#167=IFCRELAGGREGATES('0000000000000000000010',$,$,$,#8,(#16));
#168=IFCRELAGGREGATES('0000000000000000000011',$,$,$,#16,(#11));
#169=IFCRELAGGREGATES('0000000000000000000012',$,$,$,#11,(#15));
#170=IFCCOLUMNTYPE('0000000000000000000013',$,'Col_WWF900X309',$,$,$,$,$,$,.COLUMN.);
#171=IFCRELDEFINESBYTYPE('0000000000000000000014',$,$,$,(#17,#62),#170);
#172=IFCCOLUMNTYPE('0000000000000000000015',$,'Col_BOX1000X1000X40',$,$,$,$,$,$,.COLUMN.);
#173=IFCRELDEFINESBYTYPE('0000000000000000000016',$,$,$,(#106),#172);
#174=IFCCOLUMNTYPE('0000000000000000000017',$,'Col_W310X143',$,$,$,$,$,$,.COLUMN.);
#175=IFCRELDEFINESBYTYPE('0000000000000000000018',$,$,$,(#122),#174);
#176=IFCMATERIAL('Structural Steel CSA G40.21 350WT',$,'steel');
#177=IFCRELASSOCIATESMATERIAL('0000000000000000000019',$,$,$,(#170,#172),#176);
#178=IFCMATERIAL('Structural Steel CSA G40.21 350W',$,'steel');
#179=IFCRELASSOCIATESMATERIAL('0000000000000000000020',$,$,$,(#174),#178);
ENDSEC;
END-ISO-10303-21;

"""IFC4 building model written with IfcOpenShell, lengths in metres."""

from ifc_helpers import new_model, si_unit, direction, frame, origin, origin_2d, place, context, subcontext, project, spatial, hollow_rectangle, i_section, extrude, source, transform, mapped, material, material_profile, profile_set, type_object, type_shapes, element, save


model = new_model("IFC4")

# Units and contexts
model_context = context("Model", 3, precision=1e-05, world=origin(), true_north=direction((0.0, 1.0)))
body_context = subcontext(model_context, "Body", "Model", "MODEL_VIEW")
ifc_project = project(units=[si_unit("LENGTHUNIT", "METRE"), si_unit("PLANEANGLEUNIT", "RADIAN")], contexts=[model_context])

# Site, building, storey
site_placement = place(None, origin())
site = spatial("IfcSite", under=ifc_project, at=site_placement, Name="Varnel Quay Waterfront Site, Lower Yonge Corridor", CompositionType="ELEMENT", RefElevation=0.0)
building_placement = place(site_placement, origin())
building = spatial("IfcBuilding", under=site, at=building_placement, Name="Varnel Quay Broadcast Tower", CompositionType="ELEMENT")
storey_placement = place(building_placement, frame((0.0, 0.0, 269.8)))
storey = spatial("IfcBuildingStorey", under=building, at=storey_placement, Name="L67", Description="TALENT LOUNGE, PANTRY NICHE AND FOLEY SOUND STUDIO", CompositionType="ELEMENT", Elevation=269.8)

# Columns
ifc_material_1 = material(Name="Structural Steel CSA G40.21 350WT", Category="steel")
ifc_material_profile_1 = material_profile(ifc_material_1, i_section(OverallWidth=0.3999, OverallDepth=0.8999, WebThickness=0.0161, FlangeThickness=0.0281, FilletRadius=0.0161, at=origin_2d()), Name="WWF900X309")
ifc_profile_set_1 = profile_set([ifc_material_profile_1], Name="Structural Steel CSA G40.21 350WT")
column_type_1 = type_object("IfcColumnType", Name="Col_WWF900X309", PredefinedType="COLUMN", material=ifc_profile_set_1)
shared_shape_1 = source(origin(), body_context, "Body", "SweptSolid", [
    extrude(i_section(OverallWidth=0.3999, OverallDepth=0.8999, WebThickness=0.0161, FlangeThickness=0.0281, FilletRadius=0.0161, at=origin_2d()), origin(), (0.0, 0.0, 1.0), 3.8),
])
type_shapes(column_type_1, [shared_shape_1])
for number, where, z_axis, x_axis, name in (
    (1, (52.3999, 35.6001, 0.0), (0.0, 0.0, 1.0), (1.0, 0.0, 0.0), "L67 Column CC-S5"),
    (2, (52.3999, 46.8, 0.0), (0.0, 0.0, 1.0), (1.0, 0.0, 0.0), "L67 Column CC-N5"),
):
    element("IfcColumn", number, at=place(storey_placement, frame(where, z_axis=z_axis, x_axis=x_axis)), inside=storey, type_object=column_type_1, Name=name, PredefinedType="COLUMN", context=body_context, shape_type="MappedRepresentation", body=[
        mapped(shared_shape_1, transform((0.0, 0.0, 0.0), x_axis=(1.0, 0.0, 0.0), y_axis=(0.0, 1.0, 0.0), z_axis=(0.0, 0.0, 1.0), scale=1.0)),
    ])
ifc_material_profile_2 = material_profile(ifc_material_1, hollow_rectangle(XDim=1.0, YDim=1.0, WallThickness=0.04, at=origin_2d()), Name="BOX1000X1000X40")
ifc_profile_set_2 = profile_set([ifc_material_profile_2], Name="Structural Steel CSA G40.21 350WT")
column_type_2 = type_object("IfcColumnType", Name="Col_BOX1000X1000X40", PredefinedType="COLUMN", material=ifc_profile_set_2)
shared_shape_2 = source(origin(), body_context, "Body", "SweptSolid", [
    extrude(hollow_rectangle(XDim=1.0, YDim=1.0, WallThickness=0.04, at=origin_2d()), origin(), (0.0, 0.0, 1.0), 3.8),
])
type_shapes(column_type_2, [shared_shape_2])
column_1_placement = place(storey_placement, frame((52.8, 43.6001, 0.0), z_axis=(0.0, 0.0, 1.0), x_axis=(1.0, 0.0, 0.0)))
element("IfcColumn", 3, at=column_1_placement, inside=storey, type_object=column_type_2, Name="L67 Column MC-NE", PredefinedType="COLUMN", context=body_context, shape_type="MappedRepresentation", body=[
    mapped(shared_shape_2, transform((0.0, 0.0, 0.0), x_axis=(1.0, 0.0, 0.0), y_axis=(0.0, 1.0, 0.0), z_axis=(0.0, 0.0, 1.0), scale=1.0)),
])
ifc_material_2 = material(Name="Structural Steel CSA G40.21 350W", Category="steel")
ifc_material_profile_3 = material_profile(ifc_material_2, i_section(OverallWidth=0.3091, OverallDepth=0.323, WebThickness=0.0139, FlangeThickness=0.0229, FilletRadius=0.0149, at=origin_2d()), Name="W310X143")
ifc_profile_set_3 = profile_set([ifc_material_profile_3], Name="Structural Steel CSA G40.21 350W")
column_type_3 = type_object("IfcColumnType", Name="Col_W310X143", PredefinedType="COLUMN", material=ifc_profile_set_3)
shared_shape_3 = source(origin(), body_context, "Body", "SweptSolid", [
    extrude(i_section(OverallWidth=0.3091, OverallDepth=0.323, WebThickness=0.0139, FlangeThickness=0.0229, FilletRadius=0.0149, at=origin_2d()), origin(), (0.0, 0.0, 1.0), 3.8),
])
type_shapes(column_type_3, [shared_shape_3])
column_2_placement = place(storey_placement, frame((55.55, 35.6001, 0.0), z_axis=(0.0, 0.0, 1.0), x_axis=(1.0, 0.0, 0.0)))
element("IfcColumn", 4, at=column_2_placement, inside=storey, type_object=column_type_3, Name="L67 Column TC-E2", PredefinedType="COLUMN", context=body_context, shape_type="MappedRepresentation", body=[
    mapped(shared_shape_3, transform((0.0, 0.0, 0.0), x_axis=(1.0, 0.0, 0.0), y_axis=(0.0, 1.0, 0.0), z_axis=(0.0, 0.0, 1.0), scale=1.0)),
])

**Aim of the exercise**
From the first line to the last, copy every record exactly.

**Reply to the task**
#167=IFCRELAGGREGATES('0000000000000000000010',$,$,$,#8,(#16));
#168=IFCRELAGGREGATES('0000000000000000000011',$,$,$,#16,(#11));
#169=IFCRELAGGREGATES('0000000000000000000012',$,$,$,#11,(#15));
#170=IFCCOLUMNTYPE('0000000000000000000013',$,'Col_WWF900X309',$,$,$,$,$,$,.COLUMN.);
#171=IFCRELDEFINESBYTYPE('0000000000000000000014',$,$,$,(#17,#62),#170);
#172=IFCCOLUMNTYPE('0000000000000000000015',$,'Col_BOX1000X1000X40',$,$,$,$,$,$,.COLUMN.);
#173=IFCRELDEFINESBYTYPE('0000000000000000000016',$,$,$,(#106),#172);
#174=IFCCOLUMNTYPE('0000000000000000000017',$,'Col_W310X143',$,$,$,$,$,$,.COLUMN.);
#175=IFCRELDEFINESBYTYPE('0000000000000000000018',$,$,$,(#122),#174);
#176=IFCMATERIAL('Structural Steel CSA G40.21 350WT',$,'steel');
#177=IFCRELASSOCIATESMATERIAL('0000000000000000000019',$,$,$,(#170,#172),#176);
#178=IFCMATERIAL('Structural Steel CSA G40.21 350W',$,'steel');
#179=IFCRELASSOCIATESMATERIAL('0000000000000000000020',$,$,$,(#174),#178);
ENDSEC;
END-ISO-10303-21;

"""IFC4 building model written with IfcOpenShell, lengths in metres."""

from ifc_helpers import new_model, si_unit, direction, frame, origin, origin_2d, place, context, subcontext, project, spatial, hollow_rectangle, i_section, extrude, source, transform, mapped, material, material_profile, profile_set, type_object, type_shapes, element, save


model = new_model("IFC4")

# Units and contexts
model_context = context("Model", 3, precision=1e-05, world=origin(), true_north=direction((0.0, 1.0)))
body_context = subcontext(model_context, "Body", "Model", "MODEL_VIEW")
ifc_project = project(units=[si_unit("LENGTHUNIT", "METRE"), si_unit("PLANEANGLEUNIT", "RADIAN")], contexts=[model_context])

# Site, building, storey
site_placement = place(None, origin())
site = spatial("IfcSite", under=ifc_project, at=site_placement, Name="Varnel Quay Waterfront Site, Lower Yonge Corridor", CompositionType="ELEMENT", RefElevation=0.0)
building_placement = place(site_placement, origin())
building = spatial("IfcBuilding", under=site, at=building_placement, Name="Varnel Quay Broadcast Tower", CompositionType="ELEMENT")
storey_placement = place(building_placement, frame((0.0, 0.0, 269.8)))
storey = spatial("IfcBuildingStorey", under=building, at=storey_placement, Name="L67", Description="TALENT LOUNGE, PANTRY NICHE AND FOLEY SOUND STUDIO", CompositionType="ELEMENT", Elevation=269.8)

# Columns
ifc_material_1 = material(Name="Structural Steel CSA G40.21 350WT", Category="steel")
ifc_material_profile_1 = material_profile(ifc_material_1, i_section(OverallWidth=0.3999, OverallDepth=0.8999, WebThickness=0.0161, FlangeThickness=0.0281, FilletRadius=0.0161, at=origin_2d()), Name="WWF900X309")
ifc_profile_set_1 = profile_set([ifc_material_profile_1], Name="Structural Steel CSA G40.21 350WT")
column_type_1 = type_object("IfcColumnType", Name="Col_WWF900X309", PredefinedType="COLUMN", material=ifc_profile_set_1)
shared_shape_1 = source(origin(), body_context, "Body", "SweptSolid", [
    extrude(i_section(OverallWidth=0.3999, OverallDepth=0.8999, WebThickness=0.0161, FlangeThickness=0.0281, FilletRadius=0.0161, at=origin_2d()), origin(), (0.0, 0.0, 1.0), 3.8),
])
type_shapes(column_type_1, [shared_shape_1])
for number, where, z_axis, x_axis, name in (
    (1, (52.3999, 35.6001, 0.0), (0.0, 0.0, 1.0), (1.0, 0.0, 0.0), "L67 Column CC-S5"),
    (2, (52.3999, 46.8, 0.0), (0.0, 0.0, 1.0), (1.0, 0.0, 0.0), "L67 Column CC-N5"),
):
    element("IfcColumn", number, at=place(storey_placement, frame(where, z_axis=z_axis, x_axis=x_axis)), inside=storey, type_object=column_type_1, Name=name, PredefinedType="COLUMN", context=body_context, shape_type="MappedRepresentation", body=[
        mapped(shared_shape_1, transform((0.0, 0.0, 0.0), x_axis=(1.0, 0.0, 0.0), y_axis=(0.0, 1.0, 0.0), z_axis=(0.0, 0.0, 1.0), scale=1.0)),
    ])
ifc_material_profile_2 = material_profile(ifc_material_1, hollow_rectangle(XDim=1.0, YDim=1.0, WallThickness=0.04, at=origin_2d()), Name="BOX1000X1000X40")
ifc_profile_set_2 = profile_set([ifc_material_profile_2], Name="Structural Steel CSA G40.21 350WT")
column_type_2 = type_object("IfcColumnType", Name="Col_BOX1000X1000X40", PredefinedType="COLUMN", material=ifc_profile_set_2)
shared_shape_2 = source(origin(), body_context, "Body", "SweptSolid", [
    extrude(hollow_rectangle(XDim=1.0, YDim=1.0, WallThickness=0.04, at=origin_2d()), origin(), (0.0, 0.0, 1.0), 3.8),
])
type_shapes(column_type_2, [shared_shape_2])
column_1_placement = place(storey_placement, frame((52.8, 43.6001, 0.0), z_axis=(0.0, 0.0, 1.0), x_axis=(1.0, 0.0, 0.0)))
element("IfcColumn", 3, at=column_1_placement, inside=storey, type_object=column_type_2, Name="L67 Column MC-NE", PredefinedType="COLUMN", context=body_context, shape_type="MappedRepresentation", body=[
    mapped(shared_shape_2, transform((0.0, 0.0, 0.0), x_axis=(1.0, 0.0, 0.0), y_axis=(0.0, 1.0, 0.0), z_axis=(0.0, 0.0, 1.0), scale=1.0)),
])
ifc_material_2 = material(Name="Structural Steel CSA G40.21 350W", Category="steel")
ifc_material_profile_3 = material_profile(ifc_material_2, i_section(OverallWidth=0.3091, OverallDepth=0.323, WebThickness=0.0139, FlangeThickness=0.0229, FilletRadius=0.0149, at=origin_2d()), Name="W310X143")
ifc_profile_set_3 = profile_set([ifc_material_profile_3], Name="Structural Steel CSA G40.21 350W")
column_type_3 = type_object("IfcColumnType", Name="Col_W310X143", PredefinedType="COLUMN", material=ifc_profile_set_3)
shared_shape_3 = source(origin(), body_context, "Body", "SweptSolid", [
    extrude(i_section(OverallWidth=0.3091, OverallDepth=0.323, WebThickness=0.0139, FlangeThickness=0.0229, FilletRadius=0.0149, at=origin_2d()), origin(), (0.0, 0.0, 1.0), 3.8),
])
type_shapes(column_type_3, [shared_shape_3])
column_2_placement = place(storey_placement, frame((55.55, 35.6001, 0.0), z_axis=(0.0, 0.0, 1.0), x_axis=(1.0, 0.0, 0.0)))
element("IfcColumn", 4, at=column_2_placement, inside=storey, type_object=column_type_3, Name="L67 Column TC-E2", PredefinedType="COLUMN", context=body_context, shape_type="MappedRepresentation", body=[
    mapped(shared_shape_3, transform((0.0, 0.0, 0.0), x_axis=(1.0, 0.0, 0.0), y_axis=(0.0, 1.0, 0.0), z_axis=(0.0, 0.0, 1.0), scale=1.0)),
])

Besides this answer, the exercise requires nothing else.